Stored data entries
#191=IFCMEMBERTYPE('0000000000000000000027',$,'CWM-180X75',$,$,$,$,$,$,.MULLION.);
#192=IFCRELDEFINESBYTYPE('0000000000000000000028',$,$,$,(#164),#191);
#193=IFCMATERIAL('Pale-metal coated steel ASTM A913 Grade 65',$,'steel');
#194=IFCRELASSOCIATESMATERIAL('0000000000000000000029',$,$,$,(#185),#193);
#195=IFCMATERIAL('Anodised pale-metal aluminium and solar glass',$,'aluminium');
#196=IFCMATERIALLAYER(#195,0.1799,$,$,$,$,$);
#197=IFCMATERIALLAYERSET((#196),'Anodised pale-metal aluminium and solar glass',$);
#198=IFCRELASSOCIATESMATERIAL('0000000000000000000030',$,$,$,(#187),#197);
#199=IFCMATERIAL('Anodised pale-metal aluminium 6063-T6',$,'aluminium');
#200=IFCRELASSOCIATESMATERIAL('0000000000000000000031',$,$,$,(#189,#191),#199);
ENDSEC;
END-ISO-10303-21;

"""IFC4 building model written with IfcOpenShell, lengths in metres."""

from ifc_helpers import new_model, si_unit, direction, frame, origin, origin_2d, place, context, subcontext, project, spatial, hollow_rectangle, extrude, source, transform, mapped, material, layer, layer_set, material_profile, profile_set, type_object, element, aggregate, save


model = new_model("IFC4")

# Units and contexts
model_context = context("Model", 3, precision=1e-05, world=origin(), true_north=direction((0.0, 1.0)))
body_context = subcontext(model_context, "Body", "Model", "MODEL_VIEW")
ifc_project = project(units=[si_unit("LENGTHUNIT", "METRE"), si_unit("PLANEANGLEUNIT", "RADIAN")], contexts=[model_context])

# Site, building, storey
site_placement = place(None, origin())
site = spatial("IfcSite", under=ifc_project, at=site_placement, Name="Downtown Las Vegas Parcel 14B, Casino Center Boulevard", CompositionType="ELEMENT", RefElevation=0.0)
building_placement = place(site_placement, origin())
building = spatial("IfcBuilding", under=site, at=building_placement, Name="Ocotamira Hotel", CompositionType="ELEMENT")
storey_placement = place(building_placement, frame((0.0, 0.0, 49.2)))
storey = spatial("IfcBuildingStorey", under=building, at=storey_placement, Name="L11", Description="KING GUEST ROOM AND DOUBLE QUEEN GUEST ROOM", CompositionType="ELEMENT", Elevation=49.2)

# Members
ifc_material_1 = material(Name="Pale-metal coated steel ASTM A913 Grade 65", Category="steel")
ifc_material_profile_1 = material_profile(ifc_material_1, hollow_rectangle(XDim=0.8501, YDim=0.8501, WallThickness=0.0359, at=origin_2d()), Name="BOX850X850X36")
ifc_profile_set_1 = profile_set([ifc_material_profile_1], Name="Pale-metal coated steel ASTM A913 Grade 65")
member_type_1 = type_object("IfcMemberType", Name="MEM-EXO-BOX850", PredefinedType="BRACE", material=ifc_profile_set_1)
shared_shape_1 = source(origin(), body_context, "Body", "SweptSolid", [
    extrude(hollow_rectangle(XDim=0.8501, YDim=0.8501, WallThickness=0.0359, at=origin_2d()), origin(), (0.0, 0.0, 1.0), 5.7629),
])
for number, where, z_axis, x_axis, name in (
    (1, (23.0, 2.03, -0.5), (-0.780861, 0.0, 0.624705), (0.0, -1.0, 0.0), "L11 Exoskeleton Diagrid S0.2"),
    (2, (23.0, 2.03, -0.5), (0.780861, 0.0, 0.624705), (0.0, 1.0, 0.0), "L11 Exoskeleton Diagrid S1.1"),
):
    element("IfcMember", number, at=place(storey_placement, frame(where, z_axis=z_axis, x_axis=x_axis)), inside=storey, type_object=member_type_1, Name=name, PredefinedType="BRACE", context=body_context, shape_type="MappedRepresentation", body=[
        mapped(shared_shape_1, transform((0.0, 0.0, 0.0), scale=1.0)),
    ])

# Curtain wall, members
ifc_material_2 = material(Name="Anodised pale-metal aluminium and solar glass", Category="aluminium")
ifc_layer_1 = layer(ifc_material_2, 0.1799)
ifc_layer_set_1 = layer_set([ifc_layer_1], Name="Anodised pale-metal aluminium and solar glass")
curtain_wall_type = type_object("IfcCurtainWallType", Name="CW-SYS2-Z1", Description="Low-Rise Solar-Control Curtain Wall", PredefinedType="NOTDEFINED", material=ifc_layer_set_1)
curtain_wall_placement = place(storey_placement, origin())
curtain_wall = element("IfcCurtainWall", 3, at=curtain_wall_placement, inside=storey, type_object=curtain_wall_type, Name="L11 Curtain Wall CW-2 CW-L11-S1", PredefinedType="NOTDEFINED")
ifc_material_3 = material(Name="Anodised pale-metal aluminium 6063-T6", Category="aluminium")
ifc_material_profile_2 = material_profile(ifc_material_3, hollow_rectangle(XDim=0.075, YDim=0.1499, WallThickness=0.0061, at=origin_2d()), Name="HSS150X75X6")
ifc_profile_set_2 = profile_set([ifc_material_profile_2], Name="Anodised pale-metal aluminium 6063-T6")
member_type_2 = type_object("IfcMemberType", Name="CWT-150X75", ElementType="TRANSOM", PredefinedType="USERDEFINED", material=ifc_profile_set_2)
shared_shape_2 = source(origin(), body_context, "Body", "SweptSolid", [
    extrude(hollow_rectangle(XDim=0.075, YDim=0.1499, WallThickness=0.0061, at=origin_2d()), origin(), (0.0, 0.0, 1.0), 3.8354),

How to complete this task >> Please print each entry once more, exactly as it reads.

Task answer >>
#191=IFCMEMBERTYPE('0000000000000000000027',$,'CWM-180X75',$,$,$,$,$,$,.MULLION.);
#192=IFCRELDEFINESBYTYPE('0000000000000000000028',$,$,$,(#164),#191);
#193=IFCMATERIAL('Pale-metal coated steel ASTM A913 Grade 65',$,'steel');
#194=IFCRELASSOCIATESMATERIAL('0000000000000000000029',$,$,$,(#185),#193);
#195=IFCMATERIAL('Anodised pale-metal aluminium and solar glass',$,'aluminium');
#196=IFCMATERIALLAYER(#195,0.1799,$,$,$,$,$);
#197=IFCMATERIALLAYERSET((#196),'Anodised pale-metal aluminium and solar glass',$);
#198=IFCRELASSOCIATESMATERIAL('0000000000000000000030',$,$,$,(#187),#197);
#199=IFCMATERIAL('Anodised pale-metal aluminium 6063-T6',$,'aluminium');
#200=IFCRELASSOCIATESMATERIAL('0000000000000000000031',$,$,$,(#189,#191),#199);
ENDSEC;
END-ISO-10303-21;

"""IFC4 building model written with IfcOpenShell, lengths in metres."""

from ifc_helpers import new_model, si_unit, direction, frame, origin, origin_2d, place, context, subcontext, project, spatial, hollow_rectangle, extrude, source, transform, mapped, material, layer, layer_set, material_profile, profile_set, type_object, element, aggregate, save


model = new_model("IFC4")

# Units and contexts
model_context = context("Model", 3, precision=1e-05, world=origin(), true_north=direction((0.0, 1.0)))
body_context = subcontext(model_context, "Body", "Model", "MODEL_VIEW")
ifc_project = project(units=[si_unit("LENGTHUNIT", "METRE"), si_unit("PLANEANGLEUNIT", "RADIAN")], contexts=[model_context])

# Site, building, storey
site_placement = place(None, origin())
site = spatial("IfcSite", under=ifc_project, at=site_placement, Name="Downtown Las Vegas Parcel 14B, Casino Center Boulevard", CompositionType="ELEMENT", RefElevation=0.0)
building_placement = place(site_placement, origin())
building = spatial("IfcBuilding", under=site, at=building_placement, Name="Ocotamira Hotel", CompositionType="ELEMENT")
storey_placement = place(building_placement, frame((0.0, 0.0, 49.2)))
storey = spatial("IfcBuildingStorey", under=building, at=storey_placement, Name="L11", Description="KING GUEST ROOM AND DOUBLE QUEEN GUEST ROOM", CompositionType="ELEMENT", Elevation=49.2)

# Members
ifc_material_1 = material(Name="Pale-metal coated steel ASTM A913 Grade 65", Category="steel")
ifc_material_profile_1 = material_profile(ifc_material_1, hollow_rectangle(XDim=0.8501, YDim=0.8501, WallThickness=0.0359, at=origin_2d()), Name="BOX850X850X36")
ifc_profile_set_1 = profile_set([ifc_material_profile_1], Name="Pale-metal coated steel ASTM A913 Grade 65")
member_type_1 = type_object("IfcMemberType", Name="MEM-EXO-BOX850", PredefinedType="BRACE", material=ifc_profile_set_1)
shared_shape_1 = source(origin(), body_context, "Body", "SweptSolid", [
    extrude(hollow_rectangle(XDim=0.8501, YDim=0.8501, WallThickness=0.0359, at=origin_2d()), origin(), (0.0, 0.0, 1.0), 5.7629),
])
for number, where, z_axis, x_axis, name in (
    (1, (23.0, 2.03, -0.5), (-0.780861, 0.0, 0.624705), (0.0, -1.0, 0.0), "L11 Exoskeleton Diagrid S0.2"),
    (2, (23.0, 2.03, -0.5), (0.780861, 0.0, 0.624705), (0.0, 1.0, 0.0), "L11 Exoskeleton Diagrid S1.1"),
):
    element("IfcMember", number, at=place(storey_placement, frame(where, z_axis=z_axis, x_axis=x_axis)), inside=storey, type_object=member_type_1, Name=name, PredefinedType="BRACE", context=body_context, shape_type="MappedRepresentation", body=[
        mapped(shared_shape_1, transform((0.0, 0.0, 0.0), scale=1.0)),
    ])

# Curtain wall, members
ifc_material_2 = material(Name="Anodised pale-metal aluminium and solar glass", Category="aluminium")
ifc_layer_1 = layer(ifc_material_2, 0.1799)
ifc_layer_set_1 = layer_set([ifc_layer_1], Name="Anodised pale-metal aluminium and solar glass")
curtain_wall_type = type_object("IfcCurtainWallType", Name="CW-SYS2-Z1", Description="Low-Rise Solar-Control Curtain Wall", PredefinedType="NOTDEFINED", material=ifc_layer_set_1)
curtain_wall_placement = place(storey_placement, origin())
curtain_wall = element("IfcCurtainWall", 3, at=curtain_wall_placement, inside=storey, type_object=curtain_wall_type, Name="L11 Curtain Wall CW-2 CW-L11-S1", PredefinedType="NOTDEFINED")
ifc_material_3 = material(Name="Anodised pale-metal aluminium 6063-T6", Category="aluminium")
ifc_material_profile_2 = material_profile(ifc_material_3, hollow_rectangle(XDim=0.075, YDim=0.1499, WallThickness=0.0061, at=origin_2d()), Name="HSS150X75X6")
ifc_profile_set_2 = profile_set([ifc_material_profile_2], Name="Anodised pale-metal aluminium 6063-T6")
member_type_2 = type_object("IfcMemberType", Name="CWT-150X75", ElementType="TRANSOM", PredefinedType="USERDEFINED", material=ifc_profile_set_2)
shared_shape_2 = source(origin(), body_context, "Body", "SweptSolid", [
    extrude(hollow_rectangle(XDim=0.075, YDim=0.1499, WallThickness=0.0061, at=origin_2d()), origin(), (0.0, 0.0, 1.0), 3.8354),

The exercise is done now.